• _Given information_:

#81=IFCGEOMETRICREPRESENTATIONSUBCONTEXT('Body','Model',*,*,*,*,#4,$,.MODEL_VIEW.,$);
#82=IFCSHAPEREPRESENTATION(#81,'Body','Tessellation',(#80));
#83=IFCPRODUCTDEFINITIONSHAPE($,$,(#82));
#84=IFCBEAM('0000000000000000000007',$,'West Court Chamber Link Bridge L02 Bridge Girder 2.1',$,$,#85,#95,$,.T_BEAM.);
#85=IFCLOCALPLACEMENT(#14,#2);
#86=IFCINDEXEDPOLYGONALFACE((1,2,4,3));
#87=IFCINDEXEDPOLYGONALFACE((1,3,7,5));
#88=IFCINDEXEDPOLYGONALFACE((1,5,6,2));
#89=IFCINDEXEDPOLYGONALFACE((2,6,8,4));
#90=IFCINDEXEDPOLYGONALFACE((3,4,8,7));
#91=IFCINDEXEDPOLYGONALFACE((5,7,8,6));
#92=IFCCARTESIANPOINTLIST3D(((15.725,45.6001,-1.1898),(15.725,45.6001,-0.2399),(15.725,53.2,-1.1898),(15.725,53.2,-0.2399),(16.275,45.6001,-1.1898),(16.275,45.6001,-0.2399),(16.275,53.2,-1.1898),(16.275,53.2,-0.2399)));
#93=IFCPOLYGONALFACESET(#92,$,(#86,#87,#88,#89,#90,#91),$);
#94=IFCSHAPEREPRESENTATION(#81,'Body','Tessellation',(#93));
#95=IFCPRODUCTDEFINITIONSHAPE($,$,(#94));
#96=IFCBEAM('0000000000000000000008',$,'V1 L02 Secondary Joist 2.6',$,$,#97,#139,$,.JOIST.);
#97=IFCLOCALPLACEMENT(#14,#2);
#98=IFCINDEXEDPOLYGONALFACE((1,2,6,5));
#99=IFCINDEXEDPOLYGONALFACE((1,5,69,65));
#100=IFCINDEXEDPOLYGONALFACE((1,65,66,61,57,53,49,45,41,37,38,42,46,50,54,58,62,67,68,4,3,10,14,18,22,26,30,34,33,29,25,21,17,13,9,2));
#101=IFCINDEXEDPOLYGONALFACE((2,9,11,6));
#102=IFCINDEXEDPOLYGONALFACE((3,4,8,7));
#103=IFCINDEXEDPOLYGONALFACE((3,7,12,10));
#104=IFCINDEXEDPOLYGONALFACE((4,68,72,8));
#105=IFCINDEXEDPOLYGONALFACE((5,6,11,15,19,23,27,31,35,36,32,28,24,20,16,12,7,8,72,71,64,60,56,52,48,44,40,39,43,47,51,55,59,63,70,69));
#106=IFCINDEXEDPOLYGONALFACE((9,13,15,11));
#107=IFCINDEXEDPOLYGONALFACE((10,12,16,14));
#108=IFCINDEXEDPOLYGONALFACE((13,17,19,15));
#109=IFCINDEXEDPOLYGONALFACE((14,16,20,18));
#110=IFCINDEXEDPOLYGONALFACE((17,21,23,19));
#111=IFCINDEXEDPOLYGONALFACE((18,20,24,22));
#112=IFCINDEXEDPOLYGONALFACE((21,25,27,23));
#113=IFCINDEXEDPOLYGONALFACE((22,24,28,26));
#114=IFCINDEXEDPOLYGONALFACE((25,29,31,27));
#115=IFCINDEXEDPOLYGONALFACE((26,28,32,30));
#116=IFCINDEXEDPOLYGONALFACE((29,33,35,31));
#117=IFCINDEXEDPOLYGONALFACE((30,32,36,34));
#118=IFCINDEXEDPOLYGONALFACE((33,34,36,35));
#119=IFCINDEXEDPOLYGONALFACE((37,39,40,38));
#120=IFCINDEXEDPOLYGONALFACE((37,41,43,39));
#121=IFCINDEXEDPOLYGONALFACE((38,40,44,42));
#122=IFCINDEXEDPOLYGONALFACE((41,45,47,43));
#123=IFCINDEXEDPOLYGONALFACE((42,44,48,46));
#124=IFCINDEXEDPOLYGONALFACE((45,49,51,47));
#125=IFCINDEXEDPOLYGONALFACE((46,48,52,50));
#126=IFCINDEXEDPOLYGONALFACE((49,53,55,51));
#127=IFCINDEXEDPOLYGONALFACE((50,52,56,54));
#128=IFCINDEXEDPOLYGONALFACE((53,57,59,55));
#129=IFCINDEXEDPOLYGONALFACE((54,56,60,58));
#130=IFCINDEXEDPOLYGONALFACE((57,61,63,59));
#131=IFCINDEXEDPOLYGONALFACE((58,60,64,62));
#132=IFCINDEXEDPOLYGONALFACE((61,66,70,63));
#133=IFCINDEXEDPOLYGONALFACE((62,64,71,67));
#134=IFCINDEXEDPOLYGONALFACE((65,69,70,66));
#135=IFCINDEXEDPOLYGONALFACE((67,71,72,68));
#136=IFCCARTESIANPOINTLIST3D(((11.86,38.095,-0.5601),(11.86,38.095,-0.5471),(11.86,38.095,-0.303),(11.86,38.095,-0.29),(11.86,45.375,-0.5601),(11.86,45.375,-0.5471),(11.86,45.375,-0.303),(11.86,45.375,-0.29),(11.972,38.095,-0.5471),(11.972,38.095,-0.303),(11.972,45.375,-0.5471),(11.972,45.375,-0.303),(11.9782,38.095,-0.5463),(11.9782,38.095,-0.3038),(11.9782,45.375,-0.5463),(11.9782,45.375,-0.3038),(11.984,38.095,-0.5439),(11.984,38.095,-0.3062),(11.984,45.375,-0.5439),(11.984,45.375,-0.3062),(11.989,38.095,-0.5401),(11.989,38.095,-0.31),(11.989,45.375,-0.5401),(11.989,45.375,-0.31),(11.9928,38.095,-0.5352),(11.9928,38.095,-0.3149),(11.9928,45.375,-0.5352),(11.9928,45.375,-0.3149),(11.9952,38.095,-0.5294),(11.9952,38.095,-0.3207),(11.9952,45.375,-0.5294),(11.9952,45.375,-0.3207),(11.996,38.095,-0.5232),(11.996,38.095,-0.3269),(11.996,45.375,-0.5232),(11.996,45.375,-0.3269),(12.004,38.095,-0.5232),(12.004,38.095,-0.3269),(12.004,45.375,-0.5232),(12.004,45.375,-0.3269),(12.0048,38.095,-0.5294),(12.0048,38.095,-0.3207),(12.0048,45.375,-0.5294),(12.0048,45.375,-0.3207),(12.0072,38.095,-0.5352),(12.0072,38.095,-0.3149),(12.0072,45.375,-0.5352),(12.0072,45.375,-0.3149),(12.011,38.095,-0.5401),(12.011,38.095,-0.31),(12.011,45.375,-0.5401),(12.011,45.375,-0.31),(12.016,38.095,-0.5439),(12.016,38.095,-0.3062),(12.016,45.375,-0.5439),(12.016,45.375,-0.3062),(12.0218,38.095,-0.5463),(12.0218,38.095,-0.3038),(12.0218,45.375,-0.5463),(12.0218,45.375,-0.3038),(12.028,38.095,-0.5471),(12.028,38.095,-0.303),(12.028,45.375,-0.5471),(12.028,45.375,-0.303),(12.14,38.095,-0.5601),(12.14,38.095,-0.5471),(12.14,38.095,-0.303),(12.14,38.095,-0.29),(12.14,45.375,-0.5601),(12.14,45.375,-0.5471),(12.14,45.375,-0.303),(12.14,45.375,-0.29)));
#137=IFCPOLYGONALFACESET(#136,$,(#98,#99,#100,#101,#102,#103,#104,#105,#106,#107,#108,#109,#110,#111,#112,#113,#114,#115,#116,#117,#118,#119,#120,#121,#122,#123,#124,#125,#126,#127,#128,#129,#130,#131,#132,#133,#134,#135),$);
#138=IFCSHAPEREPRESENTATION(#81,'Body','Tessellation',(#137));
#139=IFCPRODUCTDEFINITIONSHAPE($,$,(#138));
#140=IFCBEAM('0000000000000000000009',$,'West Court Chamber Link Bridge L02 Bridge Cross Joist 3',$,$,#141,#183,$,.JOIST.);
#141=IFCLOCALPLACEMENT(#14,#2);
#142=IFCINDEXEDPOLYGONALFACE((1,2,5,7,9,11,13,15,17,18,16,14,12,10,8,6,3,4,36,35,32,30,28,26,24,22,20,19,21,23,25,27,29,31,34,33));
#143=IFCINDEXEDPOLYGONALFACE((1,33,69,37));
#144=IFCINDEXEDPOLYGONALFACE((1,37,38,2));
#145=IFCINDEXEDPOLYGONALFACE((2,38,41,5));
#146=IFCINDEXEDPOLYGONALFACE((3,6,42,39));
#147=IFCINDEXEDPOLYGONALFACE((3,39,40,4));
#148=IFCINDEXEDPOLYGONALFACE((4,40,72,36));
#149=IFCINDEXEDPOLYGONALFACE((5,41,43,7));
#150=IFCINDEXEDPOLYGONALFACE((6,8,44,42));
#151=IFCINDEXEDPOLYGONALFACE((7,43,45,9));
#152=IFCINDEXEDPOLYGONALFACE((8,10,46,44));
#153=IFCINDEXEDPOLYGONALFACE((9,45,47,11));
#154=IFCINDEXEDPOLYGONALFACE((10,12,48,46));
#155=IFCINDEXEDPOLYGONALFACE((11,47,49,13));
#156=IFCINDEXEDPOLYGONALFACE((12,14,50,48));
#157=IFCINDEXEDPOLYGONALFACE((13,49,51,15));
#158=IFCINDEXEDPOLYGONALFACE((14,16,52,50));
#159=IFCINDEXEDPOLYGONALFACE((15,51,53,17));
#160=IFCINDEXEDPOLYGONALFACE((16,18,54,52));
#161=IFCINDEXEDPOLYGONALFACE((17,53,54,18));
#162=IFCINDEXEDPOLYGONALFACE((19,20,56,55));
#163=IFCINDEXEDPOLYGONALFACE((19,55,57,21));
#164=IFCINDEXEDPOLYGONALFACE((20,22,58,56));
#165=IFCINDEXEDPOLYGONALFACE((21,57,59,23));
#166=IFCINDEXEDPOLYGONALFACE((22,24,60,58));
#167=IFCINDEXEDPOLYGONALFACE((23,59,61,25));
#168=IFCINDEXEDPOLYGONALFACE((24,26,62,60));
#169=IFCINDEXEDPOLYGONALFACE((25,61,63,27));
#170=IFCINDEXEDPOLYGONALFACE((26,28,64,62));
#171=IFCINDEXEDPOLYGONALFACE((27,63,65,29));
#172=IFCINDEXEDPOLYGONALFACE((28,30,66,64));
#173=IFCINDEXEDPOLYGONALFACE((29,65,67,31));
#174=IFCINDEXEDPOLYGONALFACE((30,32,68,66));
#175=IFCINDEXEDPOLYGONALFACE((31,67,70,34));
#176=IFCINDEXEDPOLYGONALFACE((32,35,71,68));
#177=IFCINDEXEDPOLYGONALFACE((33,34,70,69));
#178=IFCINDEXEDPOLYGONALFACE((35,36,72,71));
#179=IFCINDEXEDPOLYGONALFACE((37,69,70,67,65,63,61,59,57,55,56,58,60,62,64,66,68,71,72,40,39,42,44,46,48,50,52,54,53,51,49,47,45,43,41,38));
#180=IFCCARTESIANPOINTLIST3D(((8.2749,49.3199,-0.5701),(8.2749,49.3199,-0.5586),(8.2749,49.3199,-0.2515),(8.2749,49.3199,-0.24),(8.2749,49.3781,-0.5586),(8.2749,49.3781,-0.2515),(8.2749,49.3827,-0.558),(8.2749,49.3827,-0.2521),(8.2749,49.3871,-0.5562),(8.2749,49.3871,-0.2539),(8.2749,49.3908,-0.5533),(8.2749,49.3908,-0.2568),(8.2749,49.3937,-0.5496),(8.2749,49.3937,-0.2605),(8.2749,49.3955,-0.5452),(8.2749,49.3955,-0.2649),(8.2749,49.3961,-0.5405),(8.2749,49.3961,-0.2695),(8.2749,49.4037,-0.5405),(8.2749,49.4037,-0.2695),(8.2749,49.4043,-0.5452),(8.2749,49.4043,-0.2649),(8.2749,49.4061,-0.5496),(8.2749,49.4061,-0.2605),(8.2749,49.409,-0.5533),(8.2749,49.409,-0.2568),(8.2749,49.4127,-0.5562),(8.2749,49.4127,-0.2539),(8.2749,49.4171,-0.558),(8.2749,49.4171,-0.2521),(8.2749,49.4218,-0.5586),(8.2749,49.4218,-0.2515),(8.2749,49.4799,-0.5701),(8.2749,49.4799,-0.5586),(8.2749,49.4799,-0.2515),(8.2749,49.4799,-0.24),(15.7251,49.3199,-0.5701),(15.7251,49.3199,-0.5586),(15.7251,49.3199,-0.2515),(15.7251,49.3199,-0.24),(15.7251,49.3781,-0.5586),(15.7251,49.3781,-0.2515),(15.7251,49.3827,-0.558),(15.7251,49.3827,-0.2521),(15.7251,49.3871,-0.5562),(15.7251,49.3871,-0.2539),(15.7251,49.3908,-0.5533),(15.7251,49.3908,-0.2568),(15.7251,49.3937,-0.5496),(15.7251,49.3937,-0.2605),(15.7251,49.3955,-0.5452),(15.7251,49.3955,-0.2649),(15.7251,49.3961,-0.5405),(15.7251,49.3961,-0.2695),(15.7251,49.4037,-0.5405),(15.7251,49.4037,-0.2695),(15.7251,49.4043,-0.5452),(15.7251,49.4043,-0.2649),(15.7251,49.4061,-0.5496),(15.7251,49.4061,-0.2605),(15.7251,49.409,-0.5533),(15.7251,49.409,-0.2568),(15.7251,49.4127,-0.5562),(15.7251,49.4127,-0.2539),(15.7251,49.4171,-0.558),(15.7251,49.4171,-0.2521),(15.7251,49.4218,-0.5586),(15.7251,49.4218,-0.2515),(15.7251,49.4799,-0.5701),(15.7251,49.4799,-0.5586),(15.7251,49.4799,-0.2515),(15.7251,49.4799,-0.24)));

• _Aim of the task_:
Taking the material above, extract exactly and only the lines from the line with "#124=IFCINDEXEDPOLYGONALFACE((45,49,51,47));" to the line with "#130=IFCINDEXEDPOLYGONALFACE((57,61,63,59));", inclusive of both.

• _Your solution_:
#124=IFCINDEXEDPOLYGONALFACE((45,49,51,47));
#125=IFCINDEXEDPOLYGONALFACE((46,48,52,50));
#126=IFCINDEXEDPOLYGONALFACE((49,53,55,51));
#127=IFCINDEXEDPOLYGONALFACE((50,52,56,54));
#128=IFCINDEXEDPOLYGONALFACE((53,57,59,55));
#129=IFCINDEXEDPOLYGONALFACE((54,56,60,58));
#130=IFCINDEXEDPOLYGONALFACE((57,61,63,59));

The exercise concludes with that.